Start of PROVIDED ENTRIES
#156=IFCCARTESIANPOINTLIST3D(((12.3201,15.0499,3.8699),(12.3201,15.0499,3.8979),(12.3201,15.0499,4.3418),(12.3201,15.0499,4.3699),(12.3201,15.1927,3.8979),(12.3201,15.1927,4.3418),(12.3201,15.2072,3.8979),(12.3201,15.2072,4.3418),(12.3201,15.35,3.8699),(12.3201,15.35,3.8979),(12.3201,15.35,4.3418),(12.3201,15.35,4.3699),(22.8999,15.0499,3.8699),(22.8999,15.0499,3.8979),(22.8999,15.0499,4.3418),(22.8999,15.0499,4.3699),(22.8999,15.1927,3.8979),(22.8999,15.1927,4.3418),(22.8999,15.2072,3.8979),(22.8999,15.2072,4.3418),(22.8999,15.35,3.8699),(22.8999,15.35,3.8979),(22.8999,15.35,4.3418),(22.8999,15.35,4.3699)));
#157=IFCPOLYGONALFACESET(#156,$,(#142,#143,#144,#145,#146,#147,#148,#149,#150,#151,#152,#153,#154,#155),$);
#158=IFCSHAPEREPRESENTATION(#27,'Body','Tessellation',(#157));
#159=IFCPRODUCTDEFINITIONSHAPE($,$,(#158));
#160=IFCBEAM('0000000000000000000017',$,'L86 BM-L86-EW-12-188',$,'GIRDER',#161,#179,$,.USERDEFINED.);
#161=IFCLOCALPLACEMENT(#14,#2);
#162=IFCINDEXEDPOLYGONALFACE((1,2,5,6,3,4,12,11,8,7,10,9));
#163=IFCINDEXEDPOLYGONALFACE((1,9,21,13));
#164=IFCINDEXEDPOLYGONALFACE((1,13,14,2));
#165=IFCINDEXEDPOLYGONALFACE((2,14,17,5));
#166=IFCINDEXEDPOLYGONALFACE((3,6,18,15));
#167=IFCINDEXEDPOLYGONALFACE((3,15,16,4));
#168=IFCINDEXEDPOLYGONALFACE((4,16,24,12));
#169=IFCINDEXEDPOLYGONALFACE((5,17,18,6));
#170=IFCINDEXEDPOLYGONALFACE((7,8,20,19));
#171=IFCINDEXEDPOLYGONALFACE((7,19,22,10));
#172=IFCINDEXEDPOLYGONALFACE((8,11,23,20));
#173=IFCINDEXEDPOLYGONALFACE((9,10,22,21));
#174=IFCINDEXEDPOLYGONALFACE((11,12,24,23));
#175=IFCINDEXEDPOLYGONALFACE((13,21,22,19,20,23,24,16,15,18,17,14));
End of PROVIDED ENTRIES
Write out only those lines that fall between the one containing "#166=IFCINDEXEDPOLYGONALFACE((3,6,18,15));" and the end of the entries, the first and last included, exactly as they read.

__PROBLEM SOLUTION__:
#166=IFCINDEXEDPOLYGONALFACE((3,6,18,15));
#167=IFCINDEXEDPOLYGONALFACE((3,15,16,4));
#168=IFCINDEXEDPOLYGONALFACE((4,16,24,12));
#169=IFCINDEXEDPOLYGONALFACE((5,17,18,6));
#170=IFCINDEXEDPOLYGONALFACE((7,8,20,19));
#171=IFCINDEXEDPOLYGONALFACE((7,19,22,10));
#172=IFCINDEXEDPOLYGONALFACE((8,11,23,20));
#173=IFCINDEXEDPOLYGONALFACE((9,10,22,21));
#174=IFCINDEXEDPOLYGONALFACE((11,12,24,23));
#175=IFCINDEXEDPOLYGONALFACE((13,21,22,19,20,23,24,16,15,18,17,14));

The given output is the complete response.